◆ Try it ◆
Up through the line that contains "#162=IFCBEAM('0000000000000000000017',$,'L02 Grid Beam", retype the entries exactly, beginning at the very first line.

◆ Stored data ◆
::::::

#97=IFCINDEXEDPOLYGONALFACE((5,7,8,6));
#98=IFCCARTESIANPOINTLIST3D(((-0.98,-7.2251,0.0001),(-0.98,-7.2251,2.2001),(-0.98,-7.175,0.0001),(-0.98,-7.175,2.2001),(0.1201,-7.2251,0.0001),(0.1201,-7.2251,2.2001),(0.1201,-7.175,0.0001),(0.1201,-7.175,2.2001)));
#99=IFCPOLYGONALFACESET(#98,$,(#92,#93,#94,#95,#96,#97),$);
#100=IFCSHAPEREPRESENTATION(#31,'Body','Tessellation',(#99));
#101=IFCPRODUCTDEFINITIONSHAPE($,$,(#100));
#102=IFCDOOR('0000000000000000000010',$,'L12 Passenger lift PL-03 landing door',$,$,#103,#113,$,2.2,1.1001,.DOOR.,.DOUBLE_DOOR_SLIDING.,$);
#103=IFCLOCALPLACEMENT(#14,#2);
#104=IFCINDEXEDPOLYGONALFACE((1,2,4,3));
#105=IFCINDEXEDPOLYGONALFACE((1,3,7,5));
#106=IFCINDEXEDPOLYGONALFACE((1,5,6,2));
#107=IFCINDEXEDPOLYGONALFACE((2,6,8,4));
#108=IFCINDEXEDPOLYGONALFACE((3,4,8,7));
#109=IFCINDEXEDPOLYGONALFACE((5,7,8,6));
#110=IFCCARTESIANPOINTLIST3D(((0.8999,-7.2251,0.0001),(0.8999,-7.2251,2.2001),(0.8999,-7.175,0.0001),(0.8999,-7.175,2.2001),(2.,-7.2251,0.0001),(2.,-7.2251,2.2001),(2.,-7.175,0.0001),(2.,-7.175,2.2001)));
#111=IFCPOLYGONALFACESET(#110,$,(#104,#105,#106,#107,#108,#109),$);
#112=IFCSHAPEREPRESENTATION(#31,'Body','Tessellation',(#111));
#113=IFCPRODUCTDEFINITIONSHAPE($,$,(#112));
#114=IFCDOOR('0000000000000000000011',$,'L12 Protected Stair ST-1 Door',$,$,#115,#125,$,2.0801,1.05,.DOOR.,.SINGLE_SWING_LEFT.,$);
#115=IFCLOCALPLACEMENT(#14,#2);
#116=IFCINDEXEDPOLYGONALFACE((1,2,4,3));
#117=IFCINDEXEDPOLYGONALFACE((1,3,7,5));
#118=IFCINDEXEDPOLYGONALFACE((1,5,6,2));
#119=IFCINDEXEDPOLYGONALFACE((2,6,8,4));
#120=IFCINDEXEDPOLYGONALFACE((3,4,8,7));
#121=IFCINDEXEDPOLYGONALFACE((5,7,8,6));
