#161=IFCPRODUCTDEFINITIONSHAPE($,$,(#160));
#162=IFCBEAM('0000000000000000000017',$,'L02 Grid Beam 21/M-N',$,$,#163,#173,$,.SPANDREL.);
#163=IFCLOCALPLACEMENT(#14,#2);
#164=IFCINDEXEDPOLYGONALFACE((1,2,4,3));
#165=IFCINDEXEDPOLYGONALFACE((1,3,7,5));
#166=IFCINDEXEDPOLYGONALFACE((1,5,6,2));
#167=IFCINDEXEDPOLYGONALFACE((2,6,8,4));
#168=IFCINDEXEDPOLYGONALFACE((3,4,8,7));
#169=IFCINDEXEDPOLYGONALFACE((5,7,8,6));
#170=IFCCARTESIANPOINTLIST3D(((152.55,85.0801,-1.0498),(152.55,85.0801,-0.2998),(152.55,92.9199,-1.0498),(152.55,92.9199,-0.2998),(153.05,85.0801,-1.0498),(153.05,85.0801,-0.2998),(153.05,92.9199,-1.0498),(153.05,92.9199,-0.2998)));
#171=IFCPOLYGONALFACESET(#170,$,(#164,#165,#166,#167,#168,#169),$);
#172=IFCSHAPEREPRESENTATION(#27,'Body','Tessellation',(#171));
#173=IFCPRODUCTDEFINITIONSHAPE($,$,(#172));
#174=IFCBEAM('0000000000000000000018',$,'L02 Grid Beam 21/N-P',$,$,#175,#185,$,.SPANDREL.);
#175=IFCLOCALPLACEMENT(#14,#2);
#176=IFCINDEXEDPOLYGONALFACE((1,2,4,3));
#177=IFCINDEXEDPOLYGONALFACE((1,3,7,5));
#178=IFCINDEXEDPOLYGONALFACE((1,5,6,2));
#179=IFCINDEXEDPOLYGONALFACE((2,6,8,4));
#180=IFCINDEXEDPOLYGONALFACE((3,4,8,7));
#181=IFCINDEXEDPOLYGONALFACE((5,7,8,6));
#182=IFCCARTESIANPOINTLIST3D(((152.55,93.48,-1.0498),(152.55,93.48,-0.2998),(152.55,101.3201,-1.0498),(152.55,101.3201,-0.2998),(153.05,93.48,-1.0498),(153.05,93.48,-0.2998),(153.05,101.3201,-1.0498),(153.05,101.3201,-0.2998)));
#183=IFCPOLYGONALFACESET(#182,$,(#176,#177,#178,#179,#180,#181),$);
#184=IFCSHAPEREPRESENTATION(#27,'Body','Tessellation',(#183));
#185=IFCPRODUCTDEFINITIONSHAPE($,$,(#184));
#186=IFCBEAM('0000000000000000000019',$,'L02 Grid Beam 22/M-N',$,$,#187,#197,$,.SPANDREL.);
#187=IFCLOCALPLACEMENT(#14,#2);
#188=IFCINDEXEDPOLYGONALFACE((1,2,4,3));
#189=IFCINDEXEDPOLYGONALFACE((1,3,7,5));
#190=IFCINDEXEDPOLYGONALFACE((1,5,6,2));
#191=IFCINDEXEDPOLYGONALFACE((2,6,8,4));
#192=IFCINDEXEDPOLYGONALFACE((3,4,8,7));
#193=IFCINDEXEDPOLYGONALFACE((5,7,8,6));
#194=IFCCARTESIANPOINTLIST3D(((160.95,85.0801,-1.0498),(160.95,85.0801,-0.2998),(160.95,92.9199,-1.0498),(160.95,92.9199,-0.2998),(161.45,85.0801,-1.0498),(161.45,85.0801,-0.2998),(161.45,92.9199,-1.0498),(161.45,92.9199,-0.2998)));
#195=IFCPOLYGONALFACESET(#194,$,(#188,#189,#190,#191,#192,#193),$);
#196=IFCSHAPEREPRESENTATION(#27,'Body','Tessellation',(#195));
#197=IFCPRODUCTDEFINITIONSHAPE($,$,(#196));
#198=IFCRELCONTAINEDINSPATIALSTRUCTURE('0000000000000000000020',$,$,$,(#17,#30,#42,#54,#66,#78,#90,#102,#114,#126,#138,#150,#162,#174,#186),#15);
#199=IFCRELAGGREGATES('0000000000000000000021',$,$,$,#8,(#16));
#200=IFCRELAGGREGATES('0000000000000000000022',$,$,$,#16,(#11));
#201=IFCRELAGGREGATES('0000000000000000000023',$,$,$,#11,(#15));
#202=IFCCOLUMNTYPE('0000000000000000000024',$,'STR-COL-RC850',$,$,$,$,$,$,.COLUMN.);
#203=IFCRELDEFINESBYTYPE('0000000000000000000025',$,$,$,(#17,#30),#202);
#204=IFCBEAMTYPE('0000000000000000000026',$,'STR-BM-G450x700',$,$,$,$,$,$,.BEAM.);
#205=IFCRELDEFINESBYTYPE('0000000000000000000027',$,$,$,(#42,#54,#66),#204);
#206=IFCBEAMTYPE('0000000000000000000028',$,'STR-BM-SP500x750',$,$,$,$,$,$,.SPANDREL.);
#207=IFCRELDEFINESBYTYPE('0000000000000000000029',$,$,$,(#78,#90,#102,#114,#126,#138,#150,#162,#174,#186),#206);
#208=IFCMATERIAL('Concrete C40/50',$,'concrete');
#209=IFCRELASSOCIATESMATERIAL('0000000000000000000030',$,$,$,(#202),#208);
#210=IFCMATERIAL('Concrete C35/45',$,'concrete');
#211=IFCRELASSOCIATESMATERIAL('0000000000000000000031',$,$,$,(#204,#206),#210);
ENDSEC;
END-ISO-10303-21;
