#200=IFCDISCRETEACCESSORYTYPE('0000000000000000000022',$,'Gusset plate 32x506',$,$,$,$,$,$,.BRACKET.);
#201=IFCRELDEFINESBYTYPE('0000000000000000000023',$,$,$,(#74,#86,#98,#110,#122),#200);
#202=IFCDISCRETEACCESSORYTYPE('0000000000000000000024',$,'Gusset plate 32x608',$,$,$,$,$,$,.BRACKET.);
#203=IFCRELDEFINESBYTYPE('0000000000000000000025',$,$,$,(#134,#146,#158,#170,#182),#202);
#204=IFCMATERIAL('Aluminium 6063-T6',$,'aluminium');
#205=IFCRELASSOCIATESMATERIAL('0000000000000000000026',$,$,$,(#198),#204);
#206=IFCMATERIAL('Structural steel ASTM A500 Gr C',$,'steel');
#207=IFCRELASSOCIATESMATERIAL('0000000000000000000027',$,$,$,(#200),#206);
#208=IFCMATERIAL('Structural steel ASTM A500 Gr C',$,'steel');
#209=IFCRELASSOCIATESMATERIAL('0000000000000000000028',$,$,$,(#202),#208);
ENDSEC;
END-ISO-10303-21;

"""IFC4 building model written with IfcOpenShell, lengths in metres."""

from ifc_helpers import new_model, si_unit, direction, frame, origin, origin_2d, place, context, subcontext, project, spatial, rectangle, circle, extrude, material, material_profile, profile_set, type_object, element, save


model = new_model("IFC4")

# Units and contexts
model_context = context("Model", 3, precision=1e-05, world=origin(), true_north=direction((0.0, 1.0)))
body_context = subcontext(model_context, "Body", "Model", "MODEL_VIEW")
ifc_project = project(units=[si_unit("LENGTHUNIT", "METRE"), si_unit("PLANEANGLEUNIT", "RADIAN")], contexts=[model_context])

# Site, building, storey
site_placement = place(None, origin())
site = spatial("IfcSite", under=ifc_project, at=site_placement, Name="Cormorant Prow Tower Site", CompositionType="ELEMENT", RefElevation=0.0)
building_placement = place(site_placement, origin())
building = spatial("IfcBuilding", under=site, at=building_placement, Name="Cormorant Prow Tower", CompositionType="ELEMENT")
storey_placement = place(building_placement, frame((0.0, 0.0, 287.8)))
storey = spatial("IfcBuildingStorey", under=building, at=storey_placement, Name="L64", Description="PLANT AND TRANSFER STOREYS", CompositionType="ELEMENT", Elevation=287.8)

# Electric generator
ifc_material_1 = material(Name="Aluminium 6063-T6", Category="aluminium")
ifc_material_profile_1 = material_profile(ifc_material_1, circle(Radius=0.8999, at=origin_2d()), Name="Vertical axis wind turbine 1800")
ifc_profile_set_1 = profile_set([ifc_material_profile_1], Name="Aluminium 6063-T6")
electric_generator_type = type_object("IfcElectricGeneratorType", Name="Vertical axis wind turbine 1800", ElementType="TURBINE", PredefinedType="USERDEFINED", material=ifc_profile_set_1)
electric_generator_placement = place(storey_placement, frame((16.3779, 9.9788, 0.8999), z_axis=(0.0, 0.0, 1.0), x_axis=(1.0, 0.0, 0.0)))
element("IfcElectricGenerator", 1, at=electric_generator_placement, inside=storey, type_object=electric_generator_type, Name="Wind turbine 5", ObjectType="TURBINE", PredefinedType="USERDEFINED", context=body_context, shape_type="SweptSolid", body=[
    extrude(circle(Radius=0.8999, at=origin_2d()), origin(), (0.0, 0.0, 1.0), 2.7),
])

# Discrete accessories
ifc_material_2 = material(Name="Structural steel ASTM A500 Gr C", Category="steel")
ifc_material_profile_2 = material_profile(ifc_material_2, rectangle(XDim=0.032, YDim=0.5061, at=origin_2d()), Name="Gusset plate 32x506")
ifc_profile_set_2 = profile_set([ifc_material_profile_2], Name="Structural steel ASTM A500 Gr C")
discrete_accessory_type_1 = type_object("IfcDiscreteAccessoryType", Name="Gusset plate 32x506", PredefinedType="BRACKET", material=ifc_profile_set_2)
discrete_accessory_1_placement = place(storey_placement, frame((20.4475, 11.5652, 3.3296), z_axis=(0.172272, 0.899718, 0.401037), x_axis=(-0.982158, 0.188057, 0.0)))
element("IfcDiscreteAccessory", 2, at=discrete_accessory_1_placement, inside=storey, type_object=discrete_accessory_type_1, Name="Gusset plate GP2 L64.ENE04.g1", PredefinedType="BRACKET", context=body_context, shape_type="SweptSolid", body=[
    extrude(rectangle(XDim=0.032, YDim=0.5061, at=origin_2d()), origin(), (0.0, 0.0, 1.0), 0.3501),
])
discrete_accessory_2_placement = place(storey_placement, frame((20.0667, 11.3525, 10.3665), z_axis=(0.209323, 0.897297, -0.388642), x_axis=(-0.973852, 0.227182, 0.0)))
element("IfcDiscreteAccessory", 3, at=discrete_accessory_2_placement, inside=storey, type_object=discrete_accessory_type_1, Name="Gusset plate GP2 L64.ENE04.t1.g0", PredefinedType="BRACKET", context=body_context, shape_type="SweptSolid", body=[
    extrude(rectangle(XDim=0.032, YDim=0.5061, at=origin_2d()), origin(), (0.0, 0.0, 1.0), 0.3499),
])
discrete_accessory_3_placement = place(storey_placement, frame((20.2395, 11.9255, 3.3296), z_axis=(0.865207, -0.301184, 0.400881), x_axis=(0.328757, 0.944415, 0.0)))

::::::

◆ Result of this task ◆
#97=IFCINDEXEDPOLYGONALFACE((5,7,8,6));
#98=IFCCARTESIANPOINTLIST3D(((-0.98,-7.2251,0.0001),(-0.98,-7.2251,2.2001),(-0.98,-7.175,0.0001),(-0.98,-7.175,2.2001),(0.1201,-7.2251,0.0001),(0.1201,-7.2251,2.2001),(0.1201,-7.175,0.0001),(0.1201,-7.175,2.2001)));
#99=IFCPOLYGONALFACESET(#98,$,(#92,#93,#94,#95,#96,#97),$);
#100=IFCSHAPEREPRESENTATION(#31,'Body','Tessellation',(#99));
#101=IFCPRODUCTDEFINITIONSHAPE($,$,(#100));
#102=IFCDOOR('0000000000000000000010',$,'L12 Passenger lift PL-03 landing door',$,$,#103,#113,$,2.2,1.1001,.DOOR.,.DOUBLE_DOOR_SLIDING.,$);
#103=IFCLOCALPLACEMENT(#14,#2);
#104=IFCINDEXEDPOLYGONALFACE((1,2,4,3));
#105=IFCINDEXEDPOLYGONALFACE((1,3,7,5));
#106=IFCINDEXEDPOLYGONALFACE((1,5,6,2));
#107=IFCINDEXEDPOLYGONALFACE((2,6,8,4));
#108=IFCINDEXEDPOLYGONALFACE((3,4,8,7));
#109=IFCINDEXEDPOLYGONALFACE((5,7,8,6));
#110=IFCCARTESIANPOINTLIST3D(((0.8999,-7.2251,0.0001),(0.8999,-7.2251,2.2001),(0.8999,-7.175,0.0001),(0.8999,-7.175,2.2001),(2.,-7.2251,0.0001),(2.,-7.2251,2.2001),(2.,-7.175,0.0001),(2.,-7.175,2.2001)));
#111=IFCPOLYGONALFACESET(#110,$,(#104,#105,#106,#107,#108,#109),$);
#112=IFCSHAPEREPRESENTATION(#31,'Body','Tessellation',(#111));
#113=IFCPRODUCTDEFINITIONSHAPE($,$,(#112));
#114=IFCDOOR('0000000000000000000011',$,'L12 Protected Stair ST-1 Door',$,$,#115,#125,$,2.0801,1.05,.DOOR.,.SINGLE_SWING_LEFT.,$);
#115=IFCLOCALPLACEMENT(#14,#2);
#116=IFCINDEXEDPOLYGONALFACE((1,2,4,3));
#117=IFCINDEXEDPOLYGONALFACE((1,3,7,5));
#118=IFCINDEXEDPOLYGONALFACE((1,5,6,2));
#119=IFCINDEXEDPOLYGONALFACE((2,6,8,4));
#120=IFCINDEXEDPOLYGONALFACE((3,4,8,7));
#121=IFCINDEXEDPOLYGONALFACE((5,7,8,6));
#161=IFCPRODUCTDEFINITIONSHAPE($,$,(#160));
#162=IFCBEAM('0000000000000000000017',$,'L02 Grid Beam 21/M-N',$,$,#163,#173,$,.SPANDREL.);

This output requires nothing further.